(Stored items)

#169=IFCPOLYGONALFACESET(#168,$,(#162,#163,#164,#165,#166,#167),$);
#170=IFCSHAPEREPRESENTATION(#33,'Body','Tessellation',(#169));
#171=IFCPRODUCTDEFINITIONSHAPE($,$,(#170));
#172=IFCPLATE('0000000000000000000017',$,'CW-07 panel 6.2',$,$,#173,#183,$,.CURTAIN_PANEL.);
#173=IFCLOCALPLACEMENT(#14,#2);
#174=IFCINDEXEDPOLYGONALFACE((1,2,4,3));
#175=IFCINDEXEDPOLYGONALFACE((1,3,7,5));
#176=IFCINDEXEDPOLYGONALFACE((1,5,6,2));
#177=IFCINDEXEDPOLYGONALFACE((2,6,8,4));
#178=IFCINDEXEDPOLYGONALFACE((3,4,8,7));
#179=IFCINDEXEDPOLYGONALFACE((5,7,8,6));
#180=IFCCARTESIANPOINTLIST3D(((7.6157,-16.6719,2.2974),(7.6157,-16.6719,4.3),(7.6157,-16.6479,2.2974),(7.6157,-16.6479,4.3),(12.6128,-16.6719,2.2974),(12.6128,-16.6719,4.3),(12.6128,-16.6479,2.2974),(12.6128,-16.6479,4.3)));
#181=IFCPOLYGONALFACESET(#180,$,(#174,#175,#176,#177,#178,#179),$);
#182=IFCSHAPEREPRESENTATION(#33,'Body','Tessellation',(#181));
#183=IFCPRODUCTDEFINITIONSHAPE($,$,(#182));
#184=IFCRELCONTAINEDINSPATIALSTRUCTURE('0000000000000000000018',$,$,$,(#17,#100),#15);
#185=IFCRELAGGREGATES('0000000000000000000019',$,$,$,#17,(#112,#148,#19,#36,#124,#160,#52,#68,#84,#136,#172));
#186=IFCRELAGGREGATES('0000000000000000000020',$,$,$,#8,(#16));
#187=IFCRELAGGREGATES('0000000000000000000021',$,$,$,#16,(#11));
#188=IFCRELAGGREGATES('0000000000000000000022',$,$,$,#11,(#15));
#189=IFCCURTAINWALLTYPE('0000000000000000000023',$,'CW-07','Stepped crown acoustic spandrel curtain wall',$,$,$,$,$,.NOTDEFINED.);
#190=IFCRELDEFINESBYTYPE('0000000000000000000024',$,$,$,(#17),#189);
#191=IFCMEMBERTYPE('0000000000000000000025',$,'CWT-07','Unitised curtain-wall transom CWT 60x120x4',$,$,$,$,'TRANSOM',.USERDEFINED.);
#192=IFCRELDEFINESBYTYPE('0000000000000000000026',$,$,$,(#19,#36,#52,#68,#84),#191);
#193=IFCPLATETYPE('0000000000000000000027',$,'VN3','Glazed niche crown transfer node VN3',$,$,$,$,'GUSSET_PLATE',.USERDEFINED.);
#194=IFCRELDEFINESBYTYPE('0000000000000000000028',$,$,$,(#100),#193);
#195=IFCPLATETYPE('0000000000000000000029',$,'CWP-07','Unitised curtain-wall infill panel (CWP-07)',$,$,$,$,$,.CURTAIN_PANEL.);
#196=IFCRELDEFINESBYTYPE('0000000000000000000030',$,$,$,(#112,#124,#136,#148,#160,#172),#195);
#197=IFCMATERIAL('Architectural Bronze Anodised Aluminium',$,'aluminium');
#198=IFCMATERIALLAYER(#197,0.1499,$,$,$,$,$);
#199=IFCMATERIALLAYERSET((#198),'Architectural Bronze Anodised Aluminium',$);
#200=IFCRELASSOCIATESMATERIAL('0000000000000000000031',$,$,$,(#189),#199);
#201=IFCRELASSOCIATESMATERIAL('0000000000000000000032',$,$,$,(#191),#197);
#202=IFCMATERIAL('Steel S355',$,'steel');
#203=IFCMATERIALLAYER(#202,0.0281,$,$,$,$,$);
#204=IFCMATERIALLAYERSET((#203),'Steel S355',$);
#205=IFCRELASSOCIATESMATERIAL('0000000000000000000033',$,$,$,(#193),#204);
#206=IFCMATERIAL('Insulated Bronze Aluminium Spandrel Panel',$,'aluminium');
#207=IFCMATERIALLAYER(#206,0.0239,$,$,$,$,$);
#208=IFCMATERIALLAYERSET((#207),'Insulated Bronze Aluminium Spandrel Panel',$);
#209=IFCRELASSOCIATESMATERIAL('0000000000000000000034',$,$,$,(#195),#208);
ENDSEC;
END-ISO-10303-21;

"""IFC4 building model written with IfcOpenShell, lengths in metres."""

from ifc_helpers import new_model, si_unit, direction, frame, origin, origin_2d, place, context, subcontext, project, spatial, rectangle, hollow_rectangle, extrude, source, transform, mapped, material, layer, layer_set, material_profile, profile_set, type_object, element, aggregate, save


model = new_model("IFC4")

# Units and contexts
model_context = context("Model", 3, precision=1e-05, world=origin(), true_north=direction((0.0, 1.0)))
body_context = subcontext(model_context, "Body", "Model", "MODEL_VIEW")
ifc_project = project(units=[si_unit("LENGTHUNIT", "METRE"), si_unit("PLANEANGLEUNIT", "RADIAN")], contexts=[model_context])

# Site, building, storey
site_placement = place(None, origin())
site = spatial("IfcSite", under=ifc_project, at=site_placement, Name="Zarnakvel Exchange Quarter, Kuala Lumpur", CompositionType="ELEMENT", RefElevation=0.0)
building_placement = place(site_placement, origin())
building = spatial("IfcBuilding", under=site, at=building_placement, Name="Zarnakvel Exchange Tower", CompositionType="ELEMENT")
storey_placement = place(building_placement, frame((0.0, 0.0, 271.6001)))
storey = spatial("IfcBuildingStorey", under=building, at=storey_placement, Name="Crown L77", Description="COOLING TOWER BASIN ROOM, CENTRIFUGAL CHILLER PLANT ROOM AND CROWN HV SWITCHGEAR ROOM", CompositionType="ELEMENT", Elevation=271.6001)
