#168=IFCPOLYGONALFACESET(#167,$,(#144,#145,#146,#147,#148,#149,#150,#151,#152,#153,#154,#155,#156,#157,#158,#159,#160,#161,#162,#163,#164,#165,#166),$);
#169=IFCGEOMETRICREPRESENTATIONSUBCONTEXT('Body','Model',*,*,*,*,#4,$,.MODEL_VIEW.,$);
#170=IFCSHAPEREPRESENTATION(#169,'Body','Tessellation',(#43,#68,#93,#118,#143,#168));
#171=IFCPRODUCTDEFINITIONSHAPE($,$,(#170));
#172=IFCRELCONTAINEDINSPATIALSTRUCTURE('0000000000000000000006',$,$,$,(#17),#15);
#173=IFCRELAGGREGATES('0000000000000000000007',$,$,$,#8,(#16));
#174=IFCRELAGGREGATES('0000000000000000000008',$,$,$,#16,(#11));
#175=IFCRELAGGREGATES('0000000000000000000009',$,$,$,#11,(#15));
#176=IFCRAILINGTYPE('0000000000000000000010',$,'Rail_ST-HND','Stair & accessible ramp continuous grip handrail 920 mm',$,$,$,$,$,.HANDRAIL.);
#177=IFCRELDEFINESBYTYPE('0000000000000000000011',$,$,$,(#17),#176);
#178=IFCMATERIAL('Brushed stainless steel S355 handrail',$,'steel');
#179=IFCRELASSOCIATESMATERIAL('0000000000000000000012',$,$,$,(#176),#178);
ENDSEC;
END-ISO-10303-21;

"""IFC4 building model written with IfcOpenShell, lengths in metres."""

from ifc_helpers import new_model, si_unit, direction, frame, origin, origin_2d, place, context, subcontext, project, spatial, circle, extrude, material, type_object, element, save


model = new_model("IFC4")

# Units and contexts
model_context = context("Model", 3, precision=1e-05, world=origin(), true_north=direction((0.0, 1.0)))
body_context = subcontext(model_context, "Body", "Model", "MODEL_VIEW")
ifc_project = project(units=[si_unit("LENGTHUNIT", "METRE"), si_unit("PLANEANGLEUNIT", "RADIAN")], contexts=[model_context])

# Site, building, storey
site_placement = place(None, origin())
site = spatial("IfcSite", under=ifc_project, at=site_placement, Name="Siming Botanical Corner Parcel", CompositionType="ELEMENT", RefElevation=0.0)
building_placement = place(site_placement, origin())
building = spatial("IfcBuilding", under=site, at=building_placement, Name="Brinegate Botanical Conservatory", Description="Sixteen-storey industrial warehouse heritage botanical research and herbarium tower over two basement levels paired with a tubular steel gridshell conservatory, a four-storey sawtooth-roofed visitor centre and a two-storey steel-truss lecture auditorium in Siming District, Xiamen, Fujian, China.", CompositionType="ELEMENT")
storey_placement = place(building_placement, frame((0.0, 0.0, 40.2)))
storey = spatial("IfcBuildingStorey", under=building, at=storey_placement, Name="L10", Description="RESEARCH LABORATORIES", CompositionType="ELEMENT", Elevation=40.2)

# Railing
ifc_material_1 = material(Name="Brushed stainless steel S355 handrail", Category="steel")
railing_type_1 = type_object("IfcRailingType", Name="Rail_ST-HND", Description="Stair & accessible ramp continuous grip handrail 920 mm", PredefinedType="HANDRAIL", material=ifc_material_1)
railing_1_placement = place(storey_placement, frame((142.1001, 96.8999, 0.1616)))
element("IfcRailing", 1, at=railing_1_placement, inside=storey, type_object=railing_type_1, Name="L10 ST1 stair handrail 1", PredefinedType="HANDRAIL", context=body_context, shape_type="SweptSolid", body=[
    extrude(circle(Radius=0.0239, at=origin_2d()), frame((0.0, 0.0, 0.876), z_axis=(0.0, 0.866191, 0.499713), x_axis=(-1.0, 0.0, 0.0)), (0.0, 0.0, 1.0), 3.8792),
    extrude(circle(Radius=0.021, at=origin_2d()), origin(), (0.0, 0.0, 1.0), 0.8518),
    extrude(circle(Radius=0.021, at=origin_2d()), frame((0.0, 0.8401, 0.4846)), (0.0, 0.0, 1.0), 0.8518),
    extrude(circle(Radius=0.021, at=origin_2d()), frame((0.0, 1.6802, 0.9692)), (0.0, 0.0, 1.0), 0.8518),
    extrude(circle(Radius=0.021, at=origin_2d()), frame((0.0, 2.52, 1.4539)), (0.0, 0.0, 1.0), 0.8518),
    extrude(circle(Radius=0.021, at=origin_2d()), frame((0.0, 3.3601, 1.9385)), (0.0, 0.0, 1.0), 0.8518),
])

## WHAT IS EXPECTED
Return the lines above precisely as they appear, beginning at the first line and ending at the line with "#175=IFCINDEXEDPOLYGONALFACE((1,3,7,5));", and nothing after it.

## SOLUTION TO THIS TASK
#169=IFCPOLYGONALFACESET(#168,$,(#162,#163,#164,#165,#166,#167),$);
#170=IFCSHAPEREPRESENTATION(#33,'Body','Tessellation',(#169));
#171=IFCPRODUCTDEFINITIONSHAPE($,$,(#170));
#172=IFCPLATE('0000000000000000000017',$,'CW-07 panel 6.2',$,$,#173,#183,$,.CURTAIN_PANEL.);
#173=IFCLOCALPLACEMENT(#14,#2);
#174=IFCINDEXEDPOLYGONALFACE((1,2,4,3));
#175=IFCINDEXEDPOLYGONALFACE((1,3,7,5));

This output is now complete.